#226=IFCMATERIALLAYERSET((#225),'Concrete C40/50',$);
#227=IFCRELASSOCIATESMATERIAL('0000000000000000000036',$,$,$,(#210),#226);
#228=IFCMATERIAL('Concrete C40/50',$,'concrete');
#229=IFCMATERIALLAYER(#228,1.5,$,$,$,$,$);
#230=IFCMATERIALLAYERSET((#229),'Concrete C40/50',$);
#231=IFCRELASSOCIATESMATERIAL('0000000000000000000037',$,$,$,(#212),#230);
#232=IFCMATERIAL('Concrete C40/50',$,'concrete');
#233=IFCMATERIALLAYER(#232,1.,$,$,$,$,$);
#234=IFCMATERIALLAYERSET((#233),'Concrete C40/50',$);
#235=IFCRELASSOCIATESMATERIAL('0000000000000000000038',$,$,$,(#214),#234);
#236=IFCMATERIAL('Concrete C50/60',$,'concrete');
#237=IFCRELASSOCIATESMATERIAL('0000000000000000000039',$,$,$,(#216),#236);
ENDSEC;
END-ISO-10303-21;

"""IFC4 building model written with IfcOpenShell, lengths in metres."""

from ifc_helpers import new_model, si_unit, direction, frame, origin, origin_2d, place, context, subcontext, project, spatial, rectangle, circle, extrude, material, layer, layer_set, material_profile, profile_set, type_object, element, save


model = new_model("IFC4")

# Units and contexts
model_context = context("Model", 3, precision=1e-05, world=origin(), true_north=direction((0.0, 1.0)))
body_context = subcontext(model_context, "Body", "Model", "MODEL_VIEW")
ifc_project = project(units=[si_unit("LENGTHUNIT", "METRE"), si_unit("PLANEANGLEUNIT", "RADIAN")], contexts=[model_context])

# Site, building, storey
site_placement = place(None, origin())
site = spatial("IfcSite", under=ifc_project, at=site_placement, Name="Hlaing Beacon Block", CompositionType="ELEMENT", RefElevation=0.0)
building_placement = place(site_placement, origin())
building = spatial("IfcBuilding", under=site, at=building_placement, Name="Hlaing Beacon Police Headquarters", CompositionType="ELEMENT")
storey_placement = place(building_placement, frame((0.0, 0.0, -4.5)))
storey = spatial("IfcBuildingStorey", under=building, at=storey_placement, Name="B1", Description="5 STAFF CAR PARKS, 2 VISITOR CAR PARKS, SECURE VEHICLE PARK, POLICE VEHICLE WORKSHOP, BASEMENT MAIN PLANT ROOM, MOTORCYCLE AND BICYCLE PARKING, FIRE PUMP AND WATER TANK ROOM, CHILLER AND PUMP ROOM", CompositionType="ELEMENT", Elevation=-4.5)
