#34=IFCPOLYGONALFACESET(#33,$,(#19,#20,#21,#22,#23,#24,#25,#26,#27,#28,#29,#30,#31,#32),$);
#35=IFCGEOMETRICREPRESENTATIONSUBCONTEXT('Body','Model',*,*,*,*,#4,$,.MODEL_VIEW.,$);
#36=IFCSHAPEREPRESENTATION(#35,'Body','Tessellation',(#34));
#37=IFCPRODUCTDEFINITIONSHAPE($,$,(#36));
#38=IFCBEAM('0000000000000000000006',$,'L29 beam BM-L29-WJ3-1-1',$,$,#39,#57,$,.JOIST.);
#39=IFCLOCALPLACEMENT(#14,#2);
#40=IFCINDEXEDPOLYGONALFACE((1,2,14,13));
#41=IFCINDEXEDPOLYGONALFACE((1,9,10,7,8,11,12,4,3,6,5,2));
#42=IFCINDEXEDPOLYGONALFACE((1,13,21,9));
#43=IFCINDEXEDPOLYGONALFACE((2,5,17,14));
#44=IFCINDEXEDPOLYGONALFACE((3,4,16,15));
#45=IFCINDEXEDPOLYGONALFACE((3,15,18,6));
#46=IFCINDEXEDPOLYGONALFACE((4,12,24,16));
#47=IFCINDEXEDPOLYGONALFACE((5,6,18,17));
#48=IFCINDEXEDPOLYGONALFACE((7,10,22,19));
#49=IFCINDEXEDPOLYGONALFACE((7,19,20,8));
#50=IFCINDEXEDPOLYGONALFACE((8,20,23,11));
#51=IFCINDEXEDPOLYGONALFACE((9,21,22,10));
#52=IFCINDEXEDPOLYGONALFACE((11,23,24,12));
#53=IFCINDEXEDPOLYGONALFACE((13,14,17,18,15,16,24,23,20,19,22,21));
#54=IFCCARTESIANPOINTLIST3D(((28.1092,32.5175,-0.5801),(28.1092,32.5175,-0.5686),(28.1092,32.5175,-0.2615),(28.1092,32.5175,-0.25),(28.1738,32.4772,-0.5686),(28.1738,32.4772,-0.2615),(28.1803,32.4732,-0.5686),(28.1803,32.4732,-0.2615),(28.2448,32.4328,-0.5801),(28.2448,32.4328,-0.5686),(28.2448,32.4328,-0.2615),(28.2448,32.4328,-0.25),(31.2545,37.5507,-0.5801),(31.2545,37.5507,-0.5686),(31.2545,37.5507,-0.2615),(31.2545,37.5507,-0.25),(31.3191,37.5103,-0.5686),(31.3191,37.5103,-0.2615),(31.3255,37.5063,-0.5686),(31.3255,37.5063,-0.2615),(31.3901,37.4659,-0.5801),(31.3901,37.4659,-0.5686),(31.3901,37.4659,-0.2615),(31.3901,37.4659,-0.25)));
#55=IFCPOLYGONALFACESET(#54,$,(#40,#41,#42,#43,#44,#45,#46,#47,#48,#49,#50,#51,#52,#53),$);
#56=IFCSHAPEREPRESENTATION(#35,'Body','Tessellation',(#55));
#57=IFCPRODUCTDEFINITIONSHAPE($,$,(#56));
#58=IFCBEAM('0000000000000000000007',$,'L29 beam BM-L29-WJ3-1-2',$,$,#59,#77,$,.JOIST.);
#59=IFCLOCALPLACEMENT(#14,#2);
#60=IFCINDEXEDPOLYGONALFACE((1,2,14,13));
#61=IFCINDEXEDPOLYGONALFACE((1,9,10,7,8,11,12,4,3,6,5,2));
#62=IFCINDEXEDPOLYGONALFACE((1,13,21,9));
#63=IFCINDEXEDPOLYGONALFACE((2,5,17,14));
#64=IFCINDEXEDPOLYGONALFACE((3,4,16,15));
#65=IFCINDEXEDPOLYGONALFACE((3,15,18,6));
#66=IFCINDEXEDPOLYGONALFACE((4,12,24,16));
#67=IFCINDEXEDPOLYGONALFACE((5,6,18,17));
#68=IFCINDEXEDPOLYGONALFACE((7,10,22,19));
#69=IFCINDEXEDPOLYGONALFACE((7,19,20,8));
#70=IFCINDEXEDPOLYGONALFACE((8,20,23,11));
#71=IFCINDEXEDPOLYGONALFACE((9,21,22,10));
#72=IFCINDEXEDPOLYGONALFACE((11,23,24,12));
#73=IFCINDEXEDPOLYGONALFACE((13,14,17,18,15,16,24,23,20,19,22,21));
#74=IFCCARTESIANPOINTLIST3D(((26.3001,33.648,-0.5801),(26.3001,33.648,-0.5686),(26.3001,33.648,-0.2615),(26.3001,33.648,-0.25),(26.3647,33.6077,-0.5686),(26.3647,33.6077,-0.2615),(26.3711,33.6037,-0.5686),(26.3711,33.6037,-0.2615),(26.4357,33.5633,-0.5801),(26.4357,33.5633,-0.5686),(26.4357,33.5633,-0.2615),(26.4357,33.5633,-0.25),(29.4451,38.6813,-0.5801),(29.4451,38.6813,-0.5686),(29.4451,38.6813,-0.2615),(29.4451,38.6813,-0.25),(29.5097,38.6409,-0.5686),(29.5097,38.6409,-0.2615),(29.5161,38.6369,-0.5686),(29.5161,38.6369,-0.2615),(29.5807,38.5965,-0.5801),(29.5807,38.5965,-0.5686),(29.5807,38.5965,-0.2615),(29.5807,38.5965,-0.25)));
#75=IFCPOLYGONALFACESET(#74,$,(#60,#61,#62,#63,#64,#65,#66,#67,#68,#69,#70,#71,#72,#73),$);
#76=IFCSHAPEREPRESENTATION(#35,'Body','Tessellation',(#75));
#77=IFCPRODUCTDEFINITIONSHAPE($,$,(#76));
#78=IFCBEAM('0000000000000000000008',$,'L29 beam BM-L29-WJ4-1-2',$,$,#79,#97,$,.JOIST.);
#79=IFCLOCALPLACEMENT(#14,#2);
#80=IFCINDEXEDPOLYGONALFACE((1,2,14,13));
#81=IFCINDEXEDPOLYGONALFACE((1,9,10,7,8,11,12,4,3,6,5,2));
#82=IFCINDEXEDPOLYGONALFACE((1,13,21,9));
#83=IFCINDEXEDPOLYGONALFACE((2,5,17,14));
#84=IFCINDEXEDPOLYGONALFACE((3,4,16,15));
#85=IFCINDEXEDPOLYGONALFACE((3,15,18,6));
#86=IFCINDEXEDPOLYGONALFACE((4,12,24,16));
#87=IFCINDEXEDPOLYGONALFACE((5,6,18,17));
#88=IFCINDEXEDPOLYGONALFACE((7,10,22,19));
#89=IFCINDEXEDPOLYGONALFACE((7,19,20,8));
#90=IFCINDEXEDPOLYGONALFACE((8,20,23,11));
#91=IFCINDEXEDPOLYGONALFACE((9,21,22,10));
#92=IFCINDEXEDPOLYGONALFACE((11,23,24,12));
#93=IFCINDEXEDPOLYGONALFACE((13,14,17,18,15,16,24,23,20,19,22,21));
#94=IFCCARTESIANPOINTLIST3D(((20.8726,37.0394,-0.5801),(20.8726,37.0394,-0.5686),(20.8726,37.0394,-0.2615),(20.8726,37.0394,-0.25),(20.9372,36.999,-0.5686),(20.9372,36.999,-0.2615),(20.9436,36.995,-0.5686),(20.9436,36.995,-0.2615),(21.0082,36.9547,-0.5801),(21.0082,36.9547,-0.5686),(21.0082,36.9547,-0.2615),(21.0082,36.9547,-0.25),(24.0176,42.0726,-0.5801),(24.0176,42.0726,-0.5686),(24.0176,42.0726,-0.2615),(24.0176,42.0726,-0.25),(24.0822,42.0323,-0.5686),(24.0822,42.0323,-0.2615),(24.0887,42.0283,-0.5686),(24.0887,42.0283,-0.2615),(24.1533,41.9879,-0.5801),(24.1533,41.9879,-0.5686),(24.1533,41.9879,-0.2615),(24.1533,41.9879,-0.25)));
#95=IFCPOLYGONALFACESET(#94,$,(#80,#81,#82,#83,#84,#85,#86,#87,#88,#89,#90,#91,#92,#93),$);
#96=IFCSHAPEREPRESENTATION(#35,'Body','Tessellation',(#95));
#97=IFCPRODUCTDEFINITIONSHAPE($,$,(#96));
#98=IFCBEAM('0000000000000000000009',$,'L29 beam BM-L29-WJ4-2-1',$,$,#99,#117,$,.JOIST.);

==

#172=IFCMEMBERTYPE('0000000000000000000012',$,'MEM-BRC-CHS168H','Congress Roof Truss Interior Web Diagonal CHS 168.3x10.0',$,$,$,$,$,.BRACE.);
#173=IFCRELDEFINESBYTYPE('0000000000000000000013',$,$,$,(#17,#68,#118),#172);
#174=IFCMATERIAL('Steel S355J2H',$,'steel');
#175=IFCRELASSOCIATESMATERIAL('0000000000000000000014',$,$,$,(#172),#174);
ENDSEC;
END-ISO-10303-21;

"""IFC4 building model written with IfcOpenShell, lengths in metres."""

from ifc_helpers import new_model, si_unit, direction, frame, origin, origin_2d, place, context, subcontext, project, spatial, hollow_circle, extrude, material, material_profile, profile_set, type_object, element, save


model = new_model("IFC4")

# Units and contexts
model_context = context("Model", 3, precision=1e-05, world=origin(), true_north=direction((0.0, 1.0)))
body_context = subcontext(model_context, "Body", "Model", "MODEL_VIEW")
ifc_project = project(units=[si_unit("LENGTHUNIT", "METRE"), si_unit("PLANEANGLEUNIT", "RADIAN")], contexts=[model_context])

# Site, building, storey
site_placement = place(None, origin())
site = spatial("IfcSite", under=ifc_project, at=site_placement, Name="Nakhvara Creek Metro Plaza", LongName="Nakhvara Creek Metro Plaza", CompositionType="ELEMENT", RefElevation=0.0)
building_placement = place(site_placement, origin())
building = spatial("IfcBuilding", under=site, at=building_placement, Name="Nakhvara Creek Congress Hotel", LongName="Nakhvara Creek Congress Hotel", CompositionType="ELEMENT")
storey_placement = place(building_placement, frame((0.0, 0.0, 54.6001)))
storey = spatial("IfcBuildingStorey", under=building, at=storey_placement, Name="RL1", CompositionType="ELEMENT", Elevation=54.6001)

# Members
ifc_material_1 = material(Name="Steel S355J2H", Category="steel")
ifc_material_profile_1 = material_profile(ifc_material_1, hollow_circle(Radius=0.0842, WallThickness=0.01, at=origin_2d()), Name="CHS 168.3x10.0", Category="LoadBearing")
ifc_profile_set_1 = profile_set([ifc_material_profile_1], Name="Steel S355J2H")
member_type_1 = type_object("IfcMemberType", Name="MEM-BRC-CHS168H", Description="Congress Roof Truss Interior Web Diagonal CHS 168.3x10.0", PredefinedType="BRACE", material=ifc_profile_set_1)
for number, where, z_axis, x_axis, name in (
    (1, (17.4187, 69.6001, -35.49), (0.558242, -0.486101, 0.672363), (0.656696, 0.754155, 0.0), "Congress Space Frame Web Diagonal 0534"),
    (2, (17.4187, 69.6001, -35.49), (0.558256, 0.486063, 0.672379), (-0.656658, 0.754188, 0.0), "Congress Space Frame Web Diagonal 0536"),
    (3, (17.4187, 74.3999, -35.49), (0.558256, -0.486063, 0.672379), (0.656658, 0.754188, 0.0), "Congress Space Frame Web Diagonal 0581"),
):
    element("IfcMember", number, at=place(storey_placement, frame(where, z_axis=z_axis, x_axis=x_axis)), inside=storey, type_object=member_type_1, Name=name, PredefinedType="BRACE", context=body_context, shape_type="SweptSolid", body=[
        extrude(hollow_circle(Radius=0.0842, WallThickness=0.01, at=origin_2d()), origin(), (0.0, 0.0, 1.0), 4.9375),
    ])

* * *

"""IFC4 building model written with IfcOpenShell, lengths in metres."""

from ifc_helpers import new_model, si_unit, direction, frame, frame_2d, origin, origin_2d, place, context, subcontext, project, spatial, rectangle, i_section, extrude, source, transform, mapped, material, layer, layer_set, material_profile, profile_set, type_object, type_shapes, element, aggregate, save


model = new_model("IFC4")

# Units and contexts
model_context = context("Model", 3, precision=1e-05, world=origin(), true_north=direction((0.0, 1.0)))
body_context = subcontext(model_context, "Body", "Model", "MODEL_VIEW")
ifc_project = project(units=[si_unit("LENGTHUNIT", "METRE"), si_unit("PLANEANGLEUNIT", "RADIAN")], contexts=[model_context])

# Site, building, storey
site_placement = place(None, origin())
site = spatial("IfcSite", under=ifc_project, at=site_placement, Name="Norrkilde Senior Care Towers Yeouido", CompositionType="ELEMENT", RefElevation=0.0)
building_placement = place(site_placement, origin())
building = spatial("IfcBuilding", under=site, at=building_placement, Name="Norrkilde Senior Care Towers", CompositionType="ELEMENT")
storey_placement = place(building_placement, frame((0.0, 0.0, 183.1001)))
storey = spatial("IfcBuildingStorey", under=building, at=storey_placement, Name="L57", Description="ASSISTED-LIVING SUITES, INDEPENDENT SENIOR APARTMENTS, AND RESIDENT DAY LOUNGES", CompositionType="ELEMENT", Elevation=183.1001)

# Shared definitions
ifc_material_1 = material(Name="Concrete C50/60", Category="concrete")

● **Assignment**:
Lines in the data above may contain the word "save"; count them and give only the number.

● **Task result**:
3